__Instructions for the task__.
Work out how many lines in the entries below include the word "studs", and give only that figure.

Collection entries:

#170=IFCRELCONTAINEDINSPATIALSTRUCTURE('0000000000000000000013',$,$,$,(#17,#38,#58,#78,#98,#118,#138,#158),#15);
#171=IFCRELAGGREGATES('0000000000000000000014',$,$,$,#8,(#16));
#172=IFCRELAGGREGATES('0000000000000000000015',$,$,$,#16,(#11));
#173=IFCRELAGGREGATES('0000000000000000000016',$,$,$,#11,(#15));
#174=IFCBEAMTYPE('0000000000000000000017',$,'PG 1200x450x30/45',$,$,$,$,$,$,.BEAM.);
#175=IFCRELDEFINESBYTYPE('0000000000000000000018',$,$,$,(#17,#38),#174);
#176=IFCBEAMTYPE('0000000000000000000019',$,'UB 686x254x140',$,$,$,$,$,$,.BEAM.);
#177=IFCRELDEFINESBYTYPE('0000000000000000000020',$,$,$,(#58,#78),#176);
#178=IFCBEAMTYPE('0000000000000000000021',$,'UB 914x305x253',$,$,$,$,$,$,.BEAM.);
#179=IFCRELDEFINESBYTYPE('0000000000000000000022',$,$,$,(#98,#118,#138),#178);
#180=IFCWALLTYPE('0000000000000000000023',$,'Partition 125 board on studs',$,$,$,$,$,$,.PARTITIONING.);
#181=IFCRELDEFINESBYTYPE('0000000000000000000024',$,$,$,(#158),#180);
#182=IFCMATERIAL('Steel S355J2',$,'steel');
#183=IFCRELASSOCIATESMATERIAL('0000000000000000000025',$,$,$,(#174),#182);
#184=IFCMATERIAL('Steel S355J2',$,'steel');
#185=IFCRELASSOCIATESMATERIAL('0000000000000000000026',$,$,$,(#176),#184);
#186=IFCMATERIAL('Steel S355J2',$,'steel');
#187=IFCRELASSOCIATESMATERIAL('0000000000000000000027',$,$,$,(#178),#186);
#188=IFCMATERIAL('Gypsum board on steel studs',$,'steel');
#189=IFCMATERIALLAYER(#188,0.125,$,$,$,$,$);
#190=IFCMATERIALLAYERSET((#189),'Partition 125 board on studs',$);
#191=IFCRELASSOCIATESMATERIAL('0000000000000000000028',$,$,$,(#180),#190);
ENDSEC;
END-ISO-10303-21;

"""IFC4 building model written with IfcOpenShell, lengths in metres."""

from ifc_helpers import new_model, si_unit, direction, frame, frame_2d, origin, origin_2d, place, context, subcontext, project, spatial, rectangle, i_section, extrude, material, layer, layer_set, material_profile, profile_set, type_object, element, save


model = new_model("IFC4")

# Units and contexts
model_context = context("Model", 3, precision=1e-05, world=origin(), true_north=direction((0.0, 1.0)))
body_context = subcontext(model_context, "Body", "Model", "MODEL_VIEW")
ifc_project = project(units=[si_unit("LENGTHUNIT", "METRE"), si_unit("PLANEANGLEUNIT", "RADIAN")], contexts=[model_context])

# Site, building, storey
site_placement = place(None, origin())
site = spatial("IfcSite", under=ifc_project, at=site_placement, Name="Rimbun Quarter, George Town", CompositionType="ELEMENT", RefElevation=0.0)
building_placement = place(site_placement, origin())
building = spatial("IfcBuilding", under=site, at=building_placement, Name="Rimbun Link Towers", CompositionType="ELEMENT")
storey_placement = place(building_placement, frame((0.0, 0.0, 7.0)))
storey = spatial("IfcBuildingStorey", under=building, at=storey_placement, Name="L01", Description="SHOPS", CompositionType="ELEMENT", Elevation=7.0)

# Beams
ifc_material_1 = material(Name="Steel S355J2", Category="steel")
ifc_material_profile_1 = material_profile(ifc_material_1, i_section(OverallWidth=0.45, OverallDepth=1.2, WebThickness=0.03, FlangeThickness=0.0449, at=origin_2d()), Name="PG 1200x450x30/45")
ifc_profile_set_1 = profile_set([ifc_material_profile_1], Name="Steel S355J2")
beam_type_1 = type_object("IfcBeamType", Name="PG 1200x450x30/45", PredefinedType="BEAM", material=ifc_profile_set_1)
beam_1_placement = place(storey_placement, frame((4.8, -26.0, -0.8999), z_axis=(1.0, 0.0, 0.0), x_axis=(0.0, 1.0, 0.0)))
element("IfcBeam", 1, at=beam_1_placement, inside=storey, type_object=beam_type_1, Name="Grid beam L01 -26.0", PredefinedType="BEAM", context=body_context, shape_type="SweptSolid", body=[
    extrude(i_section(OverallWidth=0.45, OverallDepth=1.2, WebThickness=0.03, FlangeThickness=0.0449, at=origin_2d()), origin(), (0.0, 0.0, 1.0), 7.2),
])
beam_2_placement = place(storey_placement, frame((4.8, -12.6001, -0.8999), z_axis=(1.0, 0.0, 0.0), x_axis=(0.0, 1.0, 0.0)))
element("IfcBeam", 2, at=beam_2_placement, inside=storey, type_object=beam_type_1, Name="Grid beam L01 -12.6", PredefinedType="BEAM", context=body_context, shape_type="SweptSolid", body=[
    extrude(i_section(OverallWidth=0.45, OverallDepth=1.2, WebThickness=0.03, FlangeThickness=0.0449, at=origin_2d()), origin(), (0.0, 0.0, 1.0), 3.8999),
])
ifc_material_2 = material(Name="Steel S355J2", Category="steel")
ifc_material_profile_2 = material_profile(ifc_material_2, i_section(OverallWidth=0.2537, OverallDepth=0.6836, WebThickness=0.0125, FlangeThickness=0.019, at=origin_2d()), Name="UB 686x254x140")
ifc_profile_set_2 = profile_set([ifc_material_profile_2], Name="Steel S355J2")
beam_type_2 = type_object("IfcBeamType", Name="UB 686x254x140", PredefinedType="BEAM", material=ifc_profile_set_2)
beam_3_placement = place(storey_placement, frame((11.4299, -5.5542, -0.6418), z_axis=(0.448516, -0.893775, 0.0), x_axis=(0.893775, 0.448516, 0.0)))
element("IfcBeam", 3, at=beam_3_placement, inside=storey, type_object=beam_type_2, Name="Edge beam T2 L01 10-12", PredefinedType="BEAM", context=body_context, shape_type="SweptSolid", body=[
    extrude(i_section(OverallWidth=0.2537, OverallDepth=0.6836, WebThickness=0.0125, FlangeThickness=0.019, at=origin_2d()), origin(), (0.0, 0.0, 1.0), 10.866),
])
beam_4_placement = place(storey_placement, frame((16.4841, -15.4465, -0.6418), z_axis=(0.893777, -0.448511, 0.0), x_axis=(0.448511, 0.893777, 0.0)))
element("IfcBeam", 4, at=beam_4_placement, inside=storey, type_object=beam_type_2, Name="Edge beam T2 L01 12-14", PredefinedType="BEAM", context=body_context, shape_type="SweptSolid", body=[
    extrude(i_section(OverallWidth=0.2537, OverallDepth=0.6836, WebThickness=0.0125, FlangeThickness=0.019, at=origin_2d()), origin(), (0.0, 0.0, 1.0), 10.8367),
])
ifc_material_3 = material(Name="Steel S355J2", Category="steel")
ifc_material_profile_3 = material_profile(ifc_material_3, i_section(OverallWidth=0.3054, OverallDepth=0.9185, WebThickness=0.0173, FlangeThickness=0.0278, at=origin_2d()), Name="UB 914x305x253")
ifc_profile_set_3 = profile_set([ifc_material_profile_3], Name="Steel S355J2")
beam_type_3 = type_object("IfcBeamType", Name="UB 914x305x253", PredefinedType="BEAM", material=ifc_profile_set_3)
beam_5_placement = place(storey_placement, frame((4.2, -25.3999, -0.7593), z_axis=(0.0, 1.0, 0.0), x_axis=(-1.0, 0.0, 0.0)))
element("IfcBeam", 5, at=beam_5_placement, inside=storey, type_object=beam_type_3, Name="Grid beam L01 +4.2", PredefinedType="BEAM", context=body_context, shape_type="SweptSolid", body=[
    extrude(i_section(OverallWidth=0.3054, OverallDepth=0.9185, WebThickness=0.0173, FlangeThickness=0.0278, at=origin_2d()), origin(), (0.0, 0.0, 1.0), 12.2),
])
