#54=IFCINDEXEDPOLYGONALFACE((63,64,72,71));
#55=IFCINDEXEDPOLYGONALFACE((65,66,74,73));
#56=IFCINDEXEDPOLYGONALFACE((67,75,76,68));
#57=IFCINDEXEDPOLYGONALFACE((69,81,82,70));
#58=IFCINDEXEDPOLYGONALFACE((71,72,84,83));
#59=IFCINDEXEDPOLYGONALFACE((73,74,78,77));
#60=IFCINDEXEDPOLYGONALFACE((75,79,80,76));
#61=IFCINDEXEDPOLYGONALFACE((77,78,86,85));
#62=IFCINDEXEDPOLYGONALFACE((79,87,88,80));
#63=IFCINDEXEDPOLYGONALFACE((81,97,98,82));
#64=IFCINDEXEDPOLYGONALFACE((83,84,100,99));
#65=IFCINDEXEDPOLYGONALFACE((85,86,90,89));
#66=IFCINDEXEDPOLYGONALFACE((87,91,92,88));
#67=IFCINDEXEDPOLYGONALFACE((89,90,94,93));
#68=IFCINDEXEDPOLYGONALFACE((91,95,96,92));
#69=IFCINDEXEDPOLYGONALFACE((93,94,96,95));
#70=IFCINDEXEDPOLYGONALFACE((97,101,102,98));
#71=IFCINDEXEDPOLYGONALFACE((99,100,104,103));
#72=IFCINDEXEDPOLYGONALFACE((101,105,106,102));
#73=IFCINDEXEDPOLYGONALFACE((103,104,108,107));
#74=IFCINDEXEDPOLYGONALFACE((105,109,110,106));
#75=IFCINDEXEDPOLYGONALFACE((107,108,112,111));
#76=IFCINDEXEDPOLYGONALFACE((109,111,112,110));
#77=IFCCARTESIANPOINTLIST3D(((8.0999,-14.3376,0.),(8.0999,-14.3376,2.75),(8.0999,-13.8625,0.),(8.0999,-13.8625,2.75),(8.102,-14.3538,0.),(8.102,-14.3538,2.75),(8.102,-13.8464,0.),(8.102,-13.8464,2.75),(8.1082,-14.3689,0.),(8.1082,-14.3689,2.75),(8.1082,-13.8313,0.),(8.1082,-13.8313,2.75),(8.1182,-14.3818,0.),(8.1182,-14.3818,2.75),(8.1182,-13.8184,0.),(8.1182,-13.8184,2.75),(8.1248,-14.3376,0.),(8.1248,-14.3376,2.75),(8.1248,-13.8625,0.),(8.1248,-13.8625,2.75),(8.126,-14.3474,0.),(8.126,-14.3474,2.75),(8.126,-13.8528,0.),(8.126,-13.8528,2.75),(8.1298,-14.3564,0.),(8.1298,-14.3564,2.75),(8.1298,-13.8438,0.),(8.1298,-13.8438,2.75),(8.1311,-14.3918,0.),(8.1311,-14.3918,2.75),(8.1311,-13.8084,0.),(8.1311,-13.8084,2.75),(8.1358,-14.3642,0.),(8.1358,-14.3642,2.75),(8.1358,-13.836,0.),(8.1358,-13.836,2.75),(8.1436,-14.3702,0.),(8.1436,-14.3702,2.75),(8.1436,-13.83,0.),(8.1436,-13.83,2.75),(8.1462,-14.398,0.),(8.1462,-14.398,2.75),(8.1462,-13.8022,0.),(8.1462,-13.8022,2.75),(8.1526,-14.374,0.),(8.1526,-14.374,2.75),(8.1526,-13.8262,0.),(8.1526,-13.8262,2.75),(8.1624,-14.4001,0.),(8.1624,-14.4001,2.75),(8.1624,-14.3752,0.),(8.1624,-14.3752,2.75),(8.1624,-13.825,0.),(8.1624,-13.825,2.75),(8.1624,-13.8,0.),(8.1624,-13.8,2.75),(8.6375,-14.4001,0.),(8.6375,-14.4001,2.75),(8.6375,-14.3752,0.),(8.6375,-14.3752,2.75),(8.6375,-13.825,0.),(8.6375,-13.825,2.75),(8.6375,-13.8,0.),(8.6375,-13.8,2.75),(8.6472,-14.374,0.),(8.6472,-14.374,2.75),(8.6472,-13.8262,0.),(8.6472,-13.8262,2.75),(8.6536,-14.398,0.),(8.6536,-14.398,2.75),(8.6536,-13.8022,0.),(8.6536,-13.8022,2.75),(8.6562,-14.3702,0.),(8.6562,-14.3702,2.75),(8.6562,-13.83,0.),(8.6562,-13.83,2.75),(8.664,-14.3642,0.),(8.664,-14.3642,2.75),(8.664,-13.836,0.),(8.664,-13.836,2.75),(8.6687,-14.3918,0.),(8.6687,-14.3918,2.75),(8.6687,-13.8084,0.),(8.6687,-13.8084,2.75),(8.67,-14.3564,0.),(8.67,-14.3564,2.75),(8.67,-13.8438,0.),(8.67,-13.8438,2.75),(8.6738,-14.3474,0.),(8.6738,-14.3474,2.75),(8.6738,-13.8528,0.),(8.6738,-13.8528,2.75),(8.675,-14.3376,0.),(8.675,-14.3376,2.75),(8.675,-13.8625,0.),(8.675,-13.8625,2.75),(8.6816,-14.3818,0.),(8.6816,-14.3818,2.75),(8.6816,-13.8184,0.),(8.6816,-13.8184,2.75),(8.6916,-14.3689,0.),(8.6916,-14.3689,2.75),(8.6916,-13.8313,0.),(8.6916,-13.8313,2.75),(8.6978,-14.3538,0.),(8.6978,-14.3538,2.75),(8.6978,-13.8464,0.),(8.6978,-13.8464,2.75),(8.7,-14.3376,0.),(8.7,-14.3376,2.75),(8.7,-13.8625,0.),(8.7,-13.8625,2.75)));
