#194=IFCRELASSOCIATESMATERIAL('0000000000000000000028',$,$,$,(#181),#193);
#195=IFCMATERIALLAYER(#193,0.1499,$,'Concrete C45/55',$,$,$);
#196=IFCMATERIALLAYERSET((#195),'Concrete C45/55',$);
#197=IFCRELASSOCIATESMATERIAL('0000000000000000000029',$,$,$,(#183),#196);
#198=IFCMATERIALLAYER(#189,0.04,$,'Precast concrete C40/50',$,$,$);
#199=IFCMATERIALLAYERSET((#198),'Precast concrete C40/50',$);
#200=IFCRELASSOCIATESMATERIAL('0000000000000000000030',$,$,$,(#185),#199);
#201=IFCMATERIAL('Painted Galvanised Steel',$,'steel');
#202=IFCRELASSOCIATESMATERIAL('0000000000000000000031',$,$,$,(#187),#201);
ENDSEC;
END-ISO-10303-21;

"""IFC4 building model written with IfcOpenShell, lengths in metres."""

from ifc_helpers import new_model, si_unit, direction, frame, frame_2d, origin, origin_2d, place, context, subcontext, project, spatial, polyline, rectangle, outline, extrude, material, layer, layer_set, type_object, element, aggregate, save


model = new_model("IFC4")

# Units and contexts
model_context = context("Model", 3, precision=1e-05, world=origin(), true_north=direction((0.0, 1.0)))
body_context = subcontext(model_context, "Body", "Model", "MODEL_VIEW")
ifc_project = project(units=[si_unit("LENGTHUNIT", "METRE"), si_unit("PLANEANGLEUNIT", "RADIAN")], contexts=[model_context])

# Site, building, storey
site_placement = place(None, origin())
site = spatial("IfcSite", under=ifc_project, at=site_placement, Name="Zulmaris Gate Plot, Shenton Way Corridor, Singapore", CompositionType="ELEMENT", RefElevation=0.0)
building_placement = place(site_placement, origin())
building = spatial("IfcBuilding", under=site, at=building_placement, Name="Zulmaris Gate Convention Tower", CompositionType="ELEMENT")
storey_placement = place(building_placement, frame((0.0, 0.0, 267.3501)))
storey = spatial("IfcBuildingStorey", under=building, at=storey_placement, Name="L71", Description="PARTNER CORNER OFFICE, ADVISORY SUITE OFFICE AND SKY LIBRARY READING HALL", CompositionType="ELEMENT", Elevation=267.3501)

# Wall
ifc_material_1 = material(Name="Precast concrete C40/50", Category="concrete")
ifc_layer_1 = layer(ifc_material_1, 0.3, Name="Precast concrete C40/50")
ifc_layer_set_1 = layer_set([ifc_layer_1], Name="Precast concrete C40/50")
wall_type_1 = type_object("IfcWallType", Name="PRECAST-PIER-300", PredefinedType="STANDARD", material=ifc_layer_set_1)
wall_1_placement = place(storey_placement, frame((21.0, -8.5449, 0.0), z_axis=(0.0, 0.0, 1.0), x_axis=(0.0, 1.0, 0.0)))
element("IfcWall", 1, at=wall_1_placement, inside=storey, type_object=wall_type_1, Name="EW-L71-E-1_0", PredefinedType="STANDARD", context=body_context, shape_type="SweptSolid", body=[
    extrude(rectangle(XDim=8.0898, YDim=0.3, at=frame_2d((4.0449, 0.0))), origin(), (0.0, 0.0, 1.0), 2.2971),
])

__Task answer__.
3